**Task:**
Wherever the string "kind" shows up in the material below, copy that line.

**Source data:**
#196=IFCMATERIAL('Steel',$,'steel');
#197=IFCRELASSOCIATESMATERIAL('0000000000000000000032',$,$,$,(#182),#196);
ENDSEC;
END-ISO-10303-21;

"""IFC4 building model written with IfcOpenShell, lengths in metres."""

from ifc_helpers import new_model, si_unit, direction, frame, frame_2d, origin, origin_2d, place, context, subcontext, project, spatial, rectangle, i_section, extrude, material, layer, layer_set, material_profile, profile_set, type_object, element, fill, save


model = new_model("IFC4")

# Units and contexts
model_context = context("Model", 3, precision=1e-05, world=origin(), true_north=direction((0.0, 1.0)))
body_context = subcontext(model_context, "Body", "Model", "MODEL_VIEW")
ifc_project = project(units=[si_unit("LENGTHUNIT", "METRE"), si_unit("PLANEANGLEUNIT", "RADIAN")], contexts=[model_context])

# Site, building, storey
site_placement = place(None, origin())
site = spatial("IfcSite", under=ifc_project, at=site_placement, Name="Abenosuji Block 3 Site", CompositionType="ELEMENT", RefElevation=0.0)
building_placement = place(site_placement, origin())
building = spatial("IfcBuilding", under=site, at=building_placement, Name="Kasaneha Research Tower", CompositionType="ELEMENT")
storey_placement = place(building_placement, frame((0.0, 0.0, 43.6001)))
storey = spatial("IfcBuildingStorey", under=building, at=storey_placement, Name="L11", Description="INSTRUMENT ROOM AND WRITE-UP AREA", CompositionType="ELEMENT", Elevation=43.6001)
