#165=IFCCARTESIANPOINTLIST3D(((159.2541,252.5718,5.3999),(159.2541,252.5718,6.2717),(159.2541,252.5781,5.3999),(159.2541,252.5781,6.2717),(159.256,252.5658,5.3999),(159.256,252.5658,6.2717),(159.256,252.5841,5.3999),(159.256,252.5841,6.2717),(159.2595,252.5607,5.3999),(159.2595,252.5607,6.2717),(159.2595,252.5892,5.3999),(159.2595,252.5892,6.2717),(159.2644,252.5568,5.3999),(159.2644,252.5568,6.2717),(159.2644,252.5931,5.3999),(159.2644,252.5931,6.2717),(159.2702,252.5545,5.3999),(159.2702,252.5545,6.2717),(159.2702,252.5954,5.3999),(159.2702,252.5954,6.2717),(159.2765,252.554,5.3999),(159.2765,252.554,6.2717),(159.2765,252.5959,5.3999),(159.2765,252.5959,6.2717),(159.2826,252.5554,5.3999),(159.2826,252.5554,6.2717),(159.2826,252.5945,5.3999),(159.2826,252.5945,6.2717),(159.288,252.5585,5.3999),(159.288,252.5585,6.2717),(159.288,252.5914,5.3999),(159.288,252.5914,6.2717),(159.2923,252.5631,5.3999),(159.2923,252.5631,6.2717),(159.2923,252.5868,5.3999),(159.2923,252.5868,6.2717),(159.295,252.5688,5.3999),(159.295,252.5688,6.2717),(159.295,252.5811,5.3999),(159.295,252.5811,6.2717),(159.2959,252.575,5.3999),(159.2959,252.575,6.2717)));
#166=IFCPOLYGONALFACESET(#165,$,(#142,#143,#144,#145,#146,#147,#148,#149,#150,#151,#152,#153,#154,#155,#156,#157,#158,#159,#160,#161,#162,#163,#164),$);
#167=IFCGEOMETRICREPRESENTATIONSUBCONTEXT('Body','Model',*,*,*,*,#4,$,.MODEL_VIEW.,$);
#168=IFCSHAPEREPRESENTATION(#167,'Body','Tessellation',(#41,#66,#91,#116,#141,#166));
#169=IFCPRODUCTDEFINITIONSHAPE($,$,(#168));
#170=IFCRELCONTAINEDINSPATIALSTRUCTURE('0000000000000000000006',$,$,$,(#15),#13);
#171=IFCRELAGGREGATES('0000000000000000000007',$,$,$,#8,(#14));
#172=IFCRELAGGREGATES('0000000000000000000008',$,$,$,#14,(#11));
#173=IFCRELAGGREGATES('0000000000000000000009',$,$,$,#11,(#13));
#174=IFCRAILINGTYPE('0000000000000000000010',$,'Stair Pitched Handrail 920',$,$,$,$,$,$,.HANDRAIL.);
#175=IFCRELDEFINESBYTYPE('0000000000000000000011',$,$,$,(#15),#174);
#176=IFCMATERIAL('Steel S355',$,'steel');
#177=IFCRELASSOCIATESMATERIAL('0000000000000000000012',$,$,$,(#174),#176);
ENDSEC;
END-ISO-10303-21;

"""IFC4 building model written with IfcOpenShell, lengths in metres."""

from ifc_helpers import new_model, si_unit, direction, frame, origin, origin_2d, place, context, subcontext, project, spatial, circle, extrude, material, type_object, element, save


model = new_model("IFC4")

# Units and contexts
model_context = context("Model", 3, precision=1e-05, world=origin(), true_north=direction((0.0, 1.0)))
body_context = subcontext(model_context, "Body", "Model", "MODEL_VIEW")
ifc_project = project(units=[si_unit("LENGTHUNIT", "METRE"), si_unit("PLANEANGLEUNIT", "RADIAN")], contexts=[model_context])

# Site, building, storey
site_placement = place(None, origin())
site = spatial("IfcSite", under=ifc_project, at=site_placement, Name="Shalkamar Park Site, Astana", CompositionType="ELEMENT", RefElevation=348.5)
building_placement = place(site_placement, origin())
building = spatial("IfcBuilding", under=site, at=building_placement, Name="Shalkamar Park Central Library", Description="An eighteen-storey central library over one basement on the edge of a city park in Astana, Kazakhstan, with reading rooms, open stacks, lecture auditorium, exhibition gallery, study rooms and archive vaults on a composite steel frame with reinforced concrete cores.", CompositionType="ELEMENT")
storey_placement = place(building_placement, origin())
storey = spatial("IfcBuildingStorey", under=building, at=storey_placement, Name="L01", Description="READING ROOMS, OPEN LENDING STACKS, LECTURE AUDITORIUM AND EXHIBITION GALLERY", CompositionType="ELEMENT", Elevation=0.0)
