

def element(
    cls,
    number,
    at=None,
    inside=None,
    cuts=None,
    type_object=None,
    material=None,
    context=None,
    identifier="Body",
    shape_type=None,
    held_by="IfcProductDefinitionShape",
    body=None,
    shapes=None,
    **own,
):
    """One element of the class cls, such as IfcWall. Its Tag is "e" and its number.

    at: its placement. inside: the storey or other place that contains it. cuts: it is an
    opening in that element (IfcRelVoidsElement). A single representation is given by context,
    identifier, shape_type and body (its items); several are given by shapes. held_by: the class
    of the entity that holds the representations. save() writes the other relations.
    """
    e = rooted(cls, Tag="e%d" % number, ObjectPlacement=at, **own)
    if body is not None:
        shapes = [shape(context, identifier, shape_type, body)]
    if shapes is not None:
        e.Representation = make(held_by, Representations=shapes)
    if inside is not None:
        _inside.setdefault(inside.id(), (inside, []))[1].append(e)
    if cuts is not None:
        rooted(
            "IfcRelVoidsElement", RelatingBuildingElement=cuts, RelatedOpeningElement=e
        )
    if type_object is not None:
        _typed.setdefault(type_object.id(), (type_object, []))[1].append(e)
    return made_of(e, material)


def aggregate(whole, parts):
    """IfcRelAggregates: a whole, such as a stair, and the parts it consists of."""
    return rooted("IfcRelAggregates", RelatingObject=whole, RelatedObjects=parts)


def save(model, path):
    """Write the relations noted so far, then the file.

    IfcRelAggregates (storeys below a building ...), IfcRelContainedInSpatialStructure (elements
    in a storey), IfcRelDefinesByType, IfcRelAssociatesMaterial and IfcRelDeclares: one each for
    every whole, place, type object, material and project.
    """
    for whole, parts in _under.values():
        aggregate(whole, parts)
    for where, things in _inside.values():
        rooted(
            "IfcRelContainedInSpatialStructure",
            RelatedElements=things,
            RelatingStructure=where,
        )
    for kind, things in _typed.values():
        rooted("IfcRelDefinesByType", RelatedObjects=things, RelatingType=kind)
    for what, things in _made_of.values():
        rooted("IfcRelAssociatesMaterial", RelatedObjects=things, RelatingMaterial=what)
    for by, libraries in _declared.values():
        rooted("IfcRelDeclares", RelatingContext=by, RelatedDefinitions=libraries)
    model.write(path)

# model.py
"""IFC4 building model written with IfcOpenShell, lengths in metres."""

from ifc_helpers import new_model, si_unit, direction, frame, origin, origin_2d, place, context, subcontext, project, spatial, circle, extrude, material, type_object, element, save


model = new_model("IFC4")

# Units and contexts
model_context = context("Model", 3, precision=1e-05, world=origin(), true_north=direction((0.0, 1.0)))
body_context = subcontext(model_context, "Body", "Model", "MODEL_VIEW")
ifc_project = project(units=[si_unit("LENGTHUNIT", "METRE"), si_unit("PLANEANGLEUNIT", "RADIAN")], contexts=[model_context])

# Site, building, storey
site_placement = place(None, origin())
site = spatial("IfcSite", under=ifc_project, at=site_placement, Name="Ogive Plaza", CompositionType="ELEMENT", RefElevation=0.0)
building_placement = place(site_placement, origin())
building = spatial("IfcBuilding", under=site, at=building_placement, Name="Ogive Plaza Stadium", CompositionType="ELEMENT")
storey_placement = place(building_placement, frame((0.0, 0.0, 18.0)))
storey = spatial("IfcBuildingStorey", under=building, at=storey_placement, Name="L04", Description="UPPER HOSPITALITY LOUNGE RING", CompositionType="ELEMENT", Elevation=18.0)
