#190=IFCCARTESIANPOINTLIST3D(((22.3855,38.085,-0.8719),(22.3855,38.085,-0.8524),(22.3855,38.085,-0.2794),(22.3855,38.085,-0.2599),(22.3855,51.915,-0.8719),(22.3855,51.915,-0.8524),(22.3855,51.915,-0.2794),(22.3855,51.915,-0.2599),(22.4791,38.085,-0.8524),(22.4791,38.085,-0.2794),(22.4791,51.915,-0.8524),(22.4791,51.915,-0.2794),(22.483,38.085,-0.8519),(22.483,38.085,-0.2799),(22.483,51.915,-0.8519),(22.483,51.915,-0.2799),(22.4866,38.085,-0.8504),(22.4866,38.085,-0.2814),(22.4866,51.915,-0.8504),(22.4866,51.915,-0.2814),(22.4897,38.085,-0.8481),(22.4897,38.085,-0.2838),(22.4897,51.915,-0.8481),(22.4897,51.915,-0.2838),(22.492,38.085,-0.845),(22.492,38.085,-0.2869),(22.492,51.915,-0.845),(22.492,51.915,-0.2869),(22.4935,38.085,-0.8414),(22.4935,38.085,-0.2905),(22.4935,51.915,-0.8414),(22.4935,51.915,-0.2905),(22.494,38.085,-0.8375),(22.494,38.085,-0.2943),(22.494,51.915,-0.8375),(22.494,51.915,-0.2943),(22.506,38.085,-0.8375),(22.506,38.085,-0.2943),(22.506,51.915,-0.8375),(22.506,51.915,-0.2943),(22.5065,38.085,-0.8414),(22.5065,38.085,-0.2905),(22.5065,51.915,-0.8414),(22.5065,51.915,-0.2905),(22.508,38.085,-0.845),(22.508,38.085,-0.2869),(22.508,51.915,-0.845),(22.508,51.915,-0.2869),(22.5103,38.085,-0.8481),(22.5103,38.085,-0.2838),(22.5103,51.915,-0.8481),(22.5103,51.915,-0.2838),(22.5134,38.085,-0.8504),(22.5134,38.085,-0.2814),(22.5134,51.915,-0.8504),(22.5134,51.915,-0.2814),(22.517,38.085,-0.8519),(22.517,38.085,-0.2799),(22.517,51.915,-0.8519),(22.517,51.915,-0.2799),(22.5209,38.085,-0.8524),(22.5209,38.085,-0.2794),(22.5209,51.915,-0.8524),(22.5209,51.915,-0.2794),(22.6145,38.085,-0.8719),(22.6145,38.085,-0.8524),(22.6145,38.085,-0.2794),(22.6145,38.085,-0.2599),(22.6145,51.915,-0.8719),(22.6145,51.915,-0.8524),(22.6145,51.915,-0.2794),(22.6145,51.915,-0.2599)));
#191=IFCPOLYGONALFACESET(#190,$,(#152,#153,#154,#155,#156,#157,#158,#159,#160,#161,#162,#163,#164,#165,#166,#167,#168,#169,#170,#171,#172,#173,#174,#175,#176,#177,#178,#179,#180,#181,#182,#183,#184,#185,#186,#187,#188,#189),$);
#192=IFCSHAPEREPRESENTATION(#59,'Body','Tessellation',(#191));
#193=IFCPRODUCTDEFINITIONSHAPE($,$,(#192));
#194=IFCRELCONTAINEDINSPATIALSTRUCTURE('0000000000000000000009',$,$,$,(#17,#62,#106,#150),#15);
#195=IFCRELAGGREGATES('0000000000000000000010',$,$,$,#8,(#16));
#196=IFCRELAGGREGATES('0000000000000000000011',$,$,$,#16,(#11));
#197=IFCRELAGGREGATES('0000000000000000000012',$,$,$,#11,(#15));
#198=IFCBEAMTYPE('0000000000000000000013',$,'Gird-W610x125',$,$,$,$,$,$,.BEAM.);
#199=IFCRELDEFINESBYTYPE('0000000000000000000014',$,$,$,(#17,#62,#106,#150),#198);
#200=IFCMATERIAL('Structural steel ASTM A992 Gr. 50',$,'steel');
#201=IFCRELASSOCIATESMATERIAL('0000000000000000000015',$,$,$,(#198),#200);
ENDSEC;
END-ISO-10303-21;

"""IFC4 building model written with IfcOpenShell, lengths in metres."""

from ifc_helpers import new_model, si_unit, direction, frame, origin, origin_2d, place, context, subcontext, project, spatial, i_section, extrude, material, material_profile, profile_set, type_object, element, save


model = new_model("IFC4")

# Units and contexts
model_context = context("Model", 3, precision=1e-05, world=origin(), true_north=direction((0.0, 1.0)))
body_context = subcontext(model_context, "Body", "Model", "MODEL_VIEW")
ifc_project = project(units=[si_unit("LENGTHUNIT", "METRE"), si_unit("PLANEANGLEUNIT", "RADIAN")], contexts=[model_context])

**Reply to the task:**
    for kind, things in _typed.values():
        rooted("IfcRelDefinesByType", RelatedObjects=things, RelatingType=kind)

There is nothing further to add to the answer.